## [Task item]
In the records below, begin at the line containing "#31=IFCLOCALPLACEMENT(#14,#2);" and end at the line containing "#39=IFCPOLYGONALFACESET(#38,$,(#32,#33,#34,#35,#36,#37),$);"; quote every line in that span exactly, including both boundary lines, and no others.

(Stored items)
====================

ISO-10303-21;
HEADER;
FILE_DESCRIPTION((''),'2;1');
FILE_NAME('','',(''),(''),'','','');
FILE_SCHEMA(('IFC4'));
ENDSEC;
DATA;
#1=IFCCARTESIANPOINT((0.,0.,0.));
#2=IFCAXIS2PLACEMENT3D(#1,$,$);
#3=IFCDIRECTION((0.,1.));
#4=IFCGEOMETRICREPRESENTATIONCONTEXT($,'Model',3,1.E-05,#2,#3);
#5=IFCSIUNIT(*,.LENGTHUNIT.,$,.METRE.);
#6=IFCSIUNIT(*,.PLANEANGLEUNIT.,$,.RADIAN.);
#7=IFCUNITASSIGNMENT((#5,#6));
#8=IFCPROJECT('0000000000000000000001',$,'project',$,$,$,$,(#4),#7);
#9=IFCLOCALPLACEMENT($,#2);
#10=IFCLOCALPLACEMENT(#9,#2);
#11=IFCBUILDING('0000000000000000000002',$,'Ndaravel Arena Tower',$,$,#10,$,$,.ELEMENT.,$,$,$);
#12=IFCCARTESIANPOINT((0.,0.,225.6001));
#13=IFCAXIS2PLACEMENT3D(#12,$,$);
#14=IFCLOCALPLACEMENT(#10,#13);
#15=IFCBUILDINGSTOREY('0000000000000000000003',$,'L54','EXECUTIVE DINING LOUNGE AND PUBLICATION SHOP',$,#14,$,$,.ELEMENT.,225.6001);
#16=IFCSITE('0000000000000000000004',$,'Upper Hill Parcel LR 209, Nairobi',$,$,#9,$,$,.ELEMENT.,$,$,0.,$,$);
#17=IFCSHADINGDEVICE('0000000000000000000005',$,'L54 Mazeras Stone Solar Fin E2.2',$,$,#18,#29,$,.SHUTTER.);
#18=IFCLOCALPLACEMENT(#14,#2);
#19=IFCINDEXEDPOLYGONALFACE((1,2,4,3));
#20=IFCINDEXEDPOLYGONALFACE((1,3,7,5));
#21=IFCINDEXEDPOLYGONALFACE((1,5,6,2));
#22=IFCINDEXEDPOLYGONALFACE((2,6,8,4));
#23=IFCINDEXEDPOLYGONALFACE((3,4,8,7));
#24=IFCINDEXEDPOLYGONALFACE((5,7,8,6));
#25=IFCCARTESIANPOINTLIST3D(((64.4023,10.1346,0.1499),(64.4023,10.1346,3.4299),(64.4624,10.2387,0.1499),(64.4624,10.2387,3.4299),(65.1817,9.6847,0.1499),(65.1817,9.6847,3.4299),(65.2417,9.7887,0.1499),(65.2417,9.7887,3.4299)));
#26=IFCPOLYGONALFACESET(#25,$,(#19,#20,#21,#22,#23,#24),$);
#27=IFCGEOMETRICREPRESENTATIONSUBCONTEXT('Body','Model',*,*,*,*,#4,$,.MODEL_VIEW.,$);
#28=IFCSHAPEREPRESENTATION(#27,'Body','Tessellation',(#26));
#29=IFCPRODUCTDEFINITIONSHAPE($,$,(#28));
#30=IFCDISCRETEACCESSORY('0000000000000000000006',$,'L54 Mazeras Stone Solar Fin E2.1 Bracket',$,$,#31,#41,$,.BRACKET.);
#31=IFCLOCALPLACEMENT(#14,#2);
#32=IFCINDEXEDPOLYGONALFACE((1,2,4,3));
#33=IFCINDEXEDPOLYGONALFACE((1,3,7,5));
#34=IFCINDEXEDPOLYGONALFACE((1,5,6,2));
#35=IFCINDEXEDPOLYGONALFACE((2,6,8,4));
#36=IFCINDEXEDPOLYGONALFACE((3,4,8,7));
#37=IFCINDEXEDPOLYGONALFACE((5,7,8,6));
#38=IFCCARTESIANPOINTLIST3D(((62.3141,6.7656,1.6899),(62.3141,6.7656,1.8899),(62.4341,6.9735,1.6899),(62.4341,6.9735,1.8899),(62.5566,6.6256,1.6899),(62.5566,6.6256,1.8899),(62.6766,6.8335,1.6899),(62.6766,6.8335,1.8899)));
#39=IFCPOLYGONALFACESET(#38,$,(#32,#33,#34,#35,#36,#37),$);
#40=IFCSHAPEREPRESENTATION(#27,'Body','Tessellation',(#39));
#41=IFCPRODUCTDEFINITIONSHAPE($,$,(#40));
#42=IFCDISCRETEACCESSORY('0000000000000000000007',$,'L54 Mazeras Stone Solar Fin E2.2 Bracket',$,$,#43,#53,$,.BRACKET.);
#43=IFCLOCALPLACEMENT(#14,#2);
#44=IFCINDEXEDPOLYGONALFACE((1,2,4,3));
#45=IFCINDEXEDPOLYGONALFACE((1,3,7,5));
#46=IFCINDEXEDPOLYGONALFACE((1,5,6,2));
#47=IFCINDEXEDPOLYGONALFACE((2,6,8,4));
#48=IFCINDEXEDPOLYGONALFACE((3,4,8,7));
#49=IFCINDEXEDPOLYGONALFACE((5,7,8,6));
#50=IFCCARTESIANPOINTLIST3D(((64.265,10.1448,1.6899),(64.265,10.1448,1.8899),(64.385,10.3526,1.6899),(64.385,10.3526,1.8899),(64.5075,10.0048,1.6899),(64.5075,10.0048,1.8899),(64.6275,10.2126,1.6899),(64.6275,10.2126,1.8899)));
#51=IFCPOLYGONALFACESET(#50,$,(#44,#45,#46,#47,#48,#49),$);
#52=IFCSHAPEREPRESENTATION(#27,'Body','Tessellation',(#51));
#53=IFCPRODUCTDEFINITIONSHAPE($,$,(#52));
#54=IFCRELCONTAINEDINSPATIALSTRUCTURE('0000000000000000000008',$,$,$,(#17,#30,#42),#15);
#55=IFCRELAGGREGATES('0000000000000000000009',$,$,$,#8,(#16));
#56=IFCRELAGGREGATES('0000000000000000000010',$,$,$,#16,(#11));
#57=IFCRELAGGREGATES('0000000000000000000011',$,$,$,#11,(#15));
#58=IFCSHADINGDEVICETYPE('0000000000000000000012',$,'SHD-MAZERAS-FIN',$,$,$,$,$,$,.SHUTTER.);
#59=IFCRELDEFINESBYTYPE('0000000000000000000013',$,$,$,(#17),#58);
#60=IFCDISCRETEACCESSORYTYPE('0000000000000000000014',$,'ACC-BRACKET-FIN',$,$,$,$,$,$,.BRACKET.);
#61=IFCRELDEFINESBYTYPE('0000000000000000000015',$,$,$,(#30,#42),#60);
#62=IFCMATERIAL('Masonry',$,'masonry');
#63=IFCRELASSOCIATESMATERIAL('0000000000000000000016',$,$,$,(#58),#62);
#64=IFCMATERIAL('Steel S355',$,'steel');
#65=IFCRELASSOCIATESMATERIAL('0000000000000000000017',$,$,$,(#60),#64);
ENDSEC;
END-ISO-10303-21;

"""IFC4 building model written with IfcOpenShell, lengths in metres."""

from ifc_helpers import new_model, si_unit, direction, frame, origin, origin_2d, place, context, subcontext, project, spatial, rectangle, extrude, material, type_object, element, save


model = new_model("IFC4")

# Units and contexts
model_context = context("Model", 3, precision=1e-05, world=origin(), true_north=direction((0.0, 1.0)))
body_context = subcontext(model_context, "Body", "Model", "MODEL_VIEW")
ifc_project = project(units=[si_unit("LENGTHUNIT", "METRE"), si_unit("PLANEANGLEUNIT", "RADIAN")], contexts=[model_context])

# Site, building, storey
site_placement = place(None, origin())
site = spatial("IfcSite", under=ifc_project, at=site_placement, Name="Upper Hill Parcel LR 209, Nairobi", CompositionType="ELEMENT", RefElevation=0.0)
building_placement = place(site_placement, origin())
building = spatial("IfcBuilding", under=site, at=building_placement, Name="Ndaravel Arena Tower", CompositionType="ELEMENT")
storey_placement = place(building_placement, frame((0.0, 0.0, 225.6001)))
storey = spatial("IfcBuildingStorey", under=building, at=storey_placement, Name="L54", Description="EXECUTIVE DINING LOUNGE AND PUBLICATION SHOP", CompositionType="ELEMENT", Elevation=225.6001)

# Shading device
ifc_material_1 = material(Name="Masonry", Category="masonry")
shading_device_type = type_object("IfcShadingDeviceType", Name="SHD-MAZERAS-FIN", PredefinedType="SHUTTER", material=ifc_material_1)
for number, where, z_axis, x_axis, name in (
    (1, (64.822, 9.9617, 0.1499), (0.0, 0.0, 1.0), (0.866025, -0.5, 0.0), "L54 Mazeras Stone Solar Fin E2.2"),
):
    element("IfcShadingDevice", number, at=place(storey_placement, frame(where, z_axis=z_axis, x_axis=x_axis)), inside=storey, type_object=shading_device_type, Name=name, PredefinedType="SHUTTER", context=body_context, shape_type="SweptSolid", body=[
        extrude(rectangle(XDim=0.8999, YDim=0.1201, at=origin_2d()), origin(), (0.0, 0.0, 1.0), 3.28),
    ])

# Discrete accessories
ifc_material_2 = material(Name="Steel S355", Category="steel")
discrete_accessory_type = type_object("IfcDiscreteAccessoryType", Name="ACC-BRACKET-FIN", PredefinedType="BRACKET", material=ifc_material_2)
for number, where, z_axis, x_axis, name in (
    (2, (62.4954, 6.7996, 1.6899), (0.0, 0.0, 1.0), (0.866025, -0.5, 0.0), "L54 Mazeras Stone Solar Fin E2.1 Bracket"),
    (3, (64.4463, 10.1787, 1.6899), (0.0, 0.0, 1.0), (0.866025, -0.5, 0.0), "L54 Mazeras Stone Solar Fin E2.2 Bracket"),
):
    element("IfcDiscreteAccessory", number, at=place(storey_placement, frame(where, z_axis=z_axis, x_axis=x_axis)), inside=storey, type_object=discrete_accessory_type, Name=name, PredefinedType="BRACKET", context=body_context, shape_type="SweptSolid", body=[
        extrude(rectangle(XDim=0.28, YDim=0.24, at=origin_2d()), origin(), (0.0, 0.0, 1.0), 0.2),
    ])

save(model, "model.ifc")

====================

## [Reply]
#31=IFCLOCALPLACEMENT(#14,#2);
#32=IFCINDEXEDPOLYGONALFACE((1,2,4,3));
#33=IFCINDEXEDPOLYGONALFACE((1,3,7,5));
#34=IFCINDEXEDPOLYGONALFACE((1,5,6,2));
#35=IFCINDEXEDPOLYGONALFACE((2,6,8,4));
#36=IFCINDEXEDPOLYGONALFACE((3,4,8,7));
#37=IFCINDEXEDPOLYGONALFACE((5,7,8,6));
#38=IFCCARTESIANPOINTLIST3D(((62.3141,6.7656,1.6899),(62.3141,6.7656,1.8899),(62.4341,6.9735,1.6899),(62.4341,6.9735,1.8899),(62.5566,6.6256,1.6899),(62.5566,6.6256,1.8899),(62.6766,6.8335,1.6899),(62.6766,6.8335,1.8899)));
#39=IFCPOLYGONALFACESET(#38,$,(#32,#33,#34,#35,#36,#37),$);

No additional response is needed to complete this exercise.